(TASK ITEM):
Using the listing below, print exactly everything from the line with "#21=IFCINDEXEDPOLYGONALFACE((1,5,6,2));" down to the line with "#40=IFCINDEXEDPOLYGONALFACE((5,7,8,6));", both included, and nothing more.

(MATERIAL FOR THE TASK):
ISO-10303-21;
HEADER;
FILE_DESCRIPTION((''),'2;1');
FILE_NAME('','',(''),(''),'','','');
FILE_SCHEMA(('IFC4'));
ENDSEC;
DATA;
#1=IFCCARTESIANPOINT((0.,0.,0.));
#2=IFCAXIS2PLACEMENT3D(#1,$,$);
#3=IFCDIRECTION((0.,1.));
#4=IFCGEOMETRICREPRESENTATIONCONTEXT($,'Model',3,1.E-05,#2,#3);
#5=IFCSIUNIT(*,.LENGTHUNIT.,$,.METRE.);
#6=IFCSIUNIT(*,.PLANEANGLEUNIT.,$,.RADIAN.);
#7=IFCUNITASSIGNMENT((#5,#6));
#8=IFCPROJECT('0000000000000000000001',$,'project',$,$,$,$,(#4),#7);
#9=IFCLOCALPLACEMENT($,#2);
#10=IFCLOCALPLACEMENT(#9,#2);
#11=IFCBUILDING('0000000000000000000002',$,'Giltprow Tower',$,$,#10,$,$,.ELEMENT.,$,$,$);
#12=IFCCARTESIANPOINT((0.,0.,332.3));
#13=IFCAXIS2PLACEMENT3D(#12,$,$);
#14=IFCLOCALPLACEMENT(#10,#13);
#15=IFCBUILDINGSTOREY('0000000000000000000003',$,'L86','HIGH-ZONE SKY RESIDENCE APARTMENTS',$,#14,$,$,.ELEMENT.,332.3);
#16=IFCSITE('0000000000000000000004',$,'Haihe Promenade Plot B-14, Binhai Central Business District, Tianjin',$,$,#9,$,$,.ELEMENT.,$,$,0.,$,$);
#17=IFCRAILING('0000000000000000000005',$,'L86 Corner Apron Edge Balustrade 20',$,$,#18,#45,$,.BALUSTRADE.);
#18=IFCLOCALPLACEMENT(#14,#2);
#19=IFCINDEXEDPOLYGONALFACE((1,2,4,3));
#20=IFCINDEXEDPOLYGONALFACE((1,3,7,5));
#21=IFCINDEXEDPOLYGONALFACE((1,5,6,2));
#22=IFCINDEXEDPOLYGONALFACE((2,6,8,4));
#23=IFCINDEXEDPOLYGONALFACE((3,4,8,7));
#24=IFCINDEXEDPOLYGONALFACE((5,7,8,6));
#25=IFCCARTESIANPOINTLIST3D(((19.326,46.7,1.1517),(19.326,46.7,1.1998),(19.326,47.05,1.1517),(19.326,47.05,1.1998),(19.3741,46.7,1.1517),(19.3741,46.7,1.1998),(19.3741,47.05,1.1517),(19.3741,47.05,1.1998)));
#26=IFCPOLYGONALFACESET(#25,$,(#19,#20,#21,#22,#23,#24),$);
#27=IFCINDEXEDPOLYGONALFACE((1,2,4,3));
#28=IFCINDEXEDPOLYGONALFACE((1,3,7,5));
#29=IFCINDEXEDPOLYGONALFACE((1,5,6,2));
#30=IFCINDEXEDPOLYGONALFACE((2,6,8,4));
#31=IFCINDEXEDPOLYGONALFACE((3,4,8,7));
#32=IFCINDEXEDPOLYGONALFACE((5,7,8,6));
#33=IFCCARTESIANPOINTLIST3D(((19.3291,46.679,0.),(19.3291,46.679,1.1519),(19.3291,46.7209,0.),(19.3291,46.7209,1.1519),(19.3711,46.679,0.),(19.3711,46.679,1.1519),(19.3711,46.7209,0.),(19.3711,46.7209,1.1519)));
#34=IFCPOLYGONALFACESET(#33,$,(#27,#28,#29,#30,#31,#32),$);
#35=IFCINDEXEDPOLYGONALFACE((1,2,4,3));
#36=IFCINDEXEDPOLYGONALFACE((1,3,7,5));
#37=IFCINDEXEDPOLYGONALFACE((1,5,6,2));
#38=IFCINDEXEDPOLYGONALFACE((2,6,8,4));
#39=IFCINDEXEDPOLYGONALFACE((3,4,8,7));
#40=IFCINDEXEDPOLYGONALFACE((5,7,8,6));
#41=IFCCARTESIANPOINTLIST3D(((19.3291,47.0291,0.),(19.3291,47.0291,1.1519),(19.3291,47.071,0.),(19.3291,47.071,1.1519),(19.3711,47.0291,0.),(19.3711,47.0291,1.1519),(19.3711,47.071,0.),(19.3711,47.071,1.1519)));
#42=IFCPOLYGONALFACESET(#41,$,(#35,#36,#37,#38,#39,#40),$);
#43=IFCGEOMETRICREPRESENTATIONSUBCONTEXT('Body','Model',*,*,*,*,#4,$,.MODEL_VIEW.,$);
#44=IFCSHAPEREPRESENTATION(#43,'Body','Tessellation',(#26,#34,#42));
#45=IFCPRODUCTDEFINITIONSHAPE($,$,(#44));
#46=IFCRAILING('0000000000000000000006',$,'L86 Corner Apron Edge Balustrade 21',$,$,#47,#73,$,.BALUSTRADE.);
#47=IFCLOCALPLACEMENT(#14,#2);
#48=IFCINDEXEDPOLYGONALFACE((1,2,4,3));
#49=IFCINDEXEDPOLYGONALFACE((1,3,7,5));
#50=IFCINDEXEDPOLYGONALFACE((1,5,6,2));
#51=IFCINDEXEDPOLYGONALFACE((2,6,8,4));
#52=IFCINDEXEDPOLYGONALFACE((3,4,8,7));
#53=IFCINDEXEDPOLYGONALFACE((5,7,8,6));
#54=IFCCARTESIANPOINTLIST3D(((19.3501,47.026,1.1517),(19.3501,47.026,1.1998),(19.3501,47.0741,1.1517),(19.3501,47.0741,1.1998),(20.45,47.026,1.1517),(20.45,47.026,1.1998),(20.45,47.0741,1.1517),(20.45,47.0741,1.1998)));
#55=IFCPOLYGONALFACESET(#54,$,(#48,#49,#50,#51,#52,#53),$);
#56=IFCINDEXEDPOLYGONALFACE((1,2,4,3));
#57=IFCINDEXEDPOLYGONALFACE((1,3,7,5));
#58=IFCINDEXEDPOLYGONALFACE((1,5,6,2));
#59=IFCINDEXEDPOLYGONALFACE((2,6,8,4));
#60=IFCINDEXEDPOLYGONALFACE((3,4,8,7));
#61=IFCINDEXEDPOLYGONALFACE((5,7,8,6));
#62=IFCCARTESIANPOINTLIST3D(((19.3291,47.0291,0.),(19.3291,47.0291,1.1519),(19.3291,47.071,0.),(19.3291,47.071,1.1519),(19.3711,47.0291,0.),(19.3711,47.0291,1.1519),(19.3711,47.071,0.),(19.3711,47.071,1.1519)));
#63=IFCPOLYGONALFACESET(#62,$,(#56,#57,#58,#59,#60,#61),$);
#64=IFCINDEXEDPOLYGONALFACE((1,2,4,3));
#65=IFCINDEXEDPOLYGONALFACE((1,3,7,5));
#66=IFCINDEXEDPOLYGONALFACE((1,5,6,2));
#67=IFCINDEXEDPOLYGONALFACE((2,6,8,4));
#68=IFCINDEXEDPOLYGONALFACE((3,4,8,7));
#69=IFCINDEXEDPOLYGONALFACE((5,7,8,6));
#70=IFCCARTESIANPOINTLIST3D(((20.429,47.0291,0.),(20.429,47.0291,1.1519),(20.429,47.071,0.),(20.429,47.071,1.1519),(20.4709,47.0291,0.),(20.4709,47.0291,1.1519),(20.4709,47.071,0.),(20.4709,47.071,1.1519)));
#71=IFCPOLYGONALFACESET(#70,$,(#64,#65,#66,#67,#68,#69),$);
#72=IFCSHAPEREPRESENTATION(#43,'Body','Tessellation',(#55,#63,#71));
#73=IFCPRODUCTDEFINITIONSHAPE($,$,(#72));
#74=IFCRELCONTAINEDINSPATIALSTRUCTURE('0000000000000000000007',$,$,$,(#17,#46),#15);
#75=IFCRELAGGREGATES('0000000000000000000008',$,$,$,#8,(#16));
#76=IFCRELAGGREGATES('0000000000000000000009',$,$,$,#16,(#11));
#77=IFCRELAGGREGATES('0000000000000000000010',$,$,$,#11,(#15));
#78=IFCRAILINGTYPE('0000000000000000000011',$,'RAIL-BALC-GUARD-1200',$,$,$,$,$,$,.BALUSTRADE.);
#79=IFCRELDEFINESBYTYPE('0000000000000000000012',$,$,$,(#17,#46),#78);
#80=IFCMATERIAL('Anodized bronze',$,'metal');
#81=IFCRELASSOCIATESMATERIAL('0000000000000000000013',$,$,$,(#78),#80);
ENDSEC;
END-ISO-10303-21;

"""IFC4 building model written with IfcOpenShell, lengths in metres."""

from ifc_helpers import new_model, si_unit, direction, frame, origin, origin_2d, place, context, subcontext, project, spatial, rectangle, extrude, material, type_object, element, save


model = new_model("IFC4")

# Units and contexts
model_context = context("Model", 3, precision=1e-05, world=origin(), true_north=direction((0.0, 1.0)))
body_context = subcontext(model_context, "Body", "Model", "MODEL_VIEW")
ifc_project = project(units=[si_unit("LENGTHUNIT", "METRE"), si_unit("PLANEANGLEUNIT", "RADIAN")], contexts=[model_context])

# Site, building, storey
site_placement = place(None, origin())
site = spatial("IfcSite", under=ifc_project, at=site_placement, Name="Haihe Promenade Plot B-14, Binhai Central Business District, Tianjin", CompositionType="ELEMENT", RefElevation=0.0)
building_placement = place(site_placement, origin())
building = spatial("IfcBuilding", under=site, at=building_placement, Name="Giltprow Tower", CompositionType="ELEMENT")
storey_placement = place(building_placement, frame((0.0, 0.0, 332.3)))
storey = spatial("IfcBuildingStorey", under=building, at=storey_placement, Name="L86", Description="HIGH-ZONE SKY RESIDENCE APARTMENTS", CompositionType="ELEMENT", Elevation=332.3)

# Railings
ifc_material_1 = material(Name="Anodized bronze", Category="metal")
railing_type = type_object("IfcRailingType", Name="RAIL-BALC-GUARD-1200", PredefinedType="BALUSTRADE", material=ifc_material_1)
railing_1_placement = place(storey_placement, frame((19.3501, 46.7, 0.0)))
element("IfcRailing", 1, at=railing_1_placement, inside=storey, type_object=railing_type, Name="L86 Corner Apron Edge Balustrade 20", PredefinedType="BALUSTRADE", context=body_context, shape_type="SweptSolid", body=[
    extrude(rectangle(XDim=0.0481, YDim=0.0481, at=origin_2d()), frame((0.0, 0.0, 1.1758), z_axis=(0.0, 1.0, 0.0), x_axis=(-1.0, 0.0, 0.0)), (0.0, 0.0, 1.0), 0.3501),
    extrude(rectangle(XDim=0.042, YDim=0.042, at=origin_2d()), origin(), (0.0, 0.0, 1.0), 1.1519),
    extrude(rectangle(XDim=0.042, YDim=0.042, at=origin_2d()), frame((0.0, 0.3501, 0.0)), (0.0, 0.0, 1.0), 1.1519),
])
railing_2_placement = place(storey_placement, frame((19.3501, 47.05, 0.0)))
element("IfcRailing", 2, at=railing_2_placement, inside=storey, type_object=railing_type, Name="L86 Corner Apron Edge Balustrade 21", PredefinedType="BALUSTRADE", context=body_context, shape_type="SweptSolid", body=[
    extrude(rectangle(XDim=0.0481, YDim=0.0481, at=origin_2d()), frame((0.0, 0.0, 1.1758), z_axis=(1.0, 0.0, 0.0), x_axis=(0.0, 1.0, 0.0)), (0.0, 0.0, 1.0), 1.0999),
    extrude(rectangle(XDim=0.042, YDim=0.042, at=origin_2d()), origin(), (0.0, 0.0, 1.0), 1.1519),
    extrude(rectangle(XDim=0.042, YDim=0.042, at=origin_2d()), frame((1.0999, 0.0, 0.0)), (0.0, 0.0, 1.0), 1.1519),
])

save(model, "model.ifc")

(TASK SOLUTION):
#21=IFCINDEXEDPOLYGONALFACE((1,5,6,2));
#22=IFCINDEXEDPOLYGONALFACE((2,6,8,4));
#23=IFCINDEXEDPOLYGONALFACE((3,4,8,7));
#24=IFCINDEXEDPOLYGONALFACE((5,7,8,6));
#25=IFCCARTESIANPOINTLIST3D(((19.326,46.7,1.1517),(19.326,46.7,1.1998),(19.326,47.05,1.1517),(19.326,47.05,1.1998),(19.3741,46.7,1.1517),(19.3741,46.7,1.1998),(19.3741,47.05,1.1517),(19.3741,47.05,1.1998)));
#26=IFCPOLYGONALFACESET(#25,$,(#19,#20,#21,#22,#23,#24),$);
#27=IFCINDEXEDPOLYGONALFACE((1,2,4,3));
#28=IFCINDEXEDPOLYGONALFACE((1,3,7,5));
#29=IFCINDEXEDPOLYGONALFACE((1,5,6,2));
#30=IFCINDEXEDPOLYGONALFACE((2,6,8,4));
#31=IFCINDEXEDPOLYGONALFACE((3,4,8,7));
#32=IFCINDEXEDPOLYGONALFACE((5,7,8,6));
#33=IFCCARTESIANPOINTLIST3D(((19.3291,46.679,0.),(19.3291,46.679,1.1519),(19.3291,46.7209,0.),(19.3291,46.7209,1.1519),(19.3711,46.679,0.),(19.3711,46.679,1.1519),(19.3711,46.7209,0.),(19.3711,46.7209,1.1519)));
#34=IFCPOLYGONALFACESET(#33,$,(#27,#28,#29,#30,#31,#32),$);
#35=IFCINDEXEDPOLYGONALFACE((1,2,4,3));
#36=IFCINDEXEDPOLYGONALFACE((1,3,7,5));
#37=IFCINDEXEDPOLYGONALFACE((1,5,6,2));
#38=IFCINDEXEDPOLYGONALFACE((2,6,8,4));
#39=IFCINDEXEDPOLYGONALFACE((3,4,8,7));
#40=IFCINDEXEDPOLYGONALFACE((5,7,8,6));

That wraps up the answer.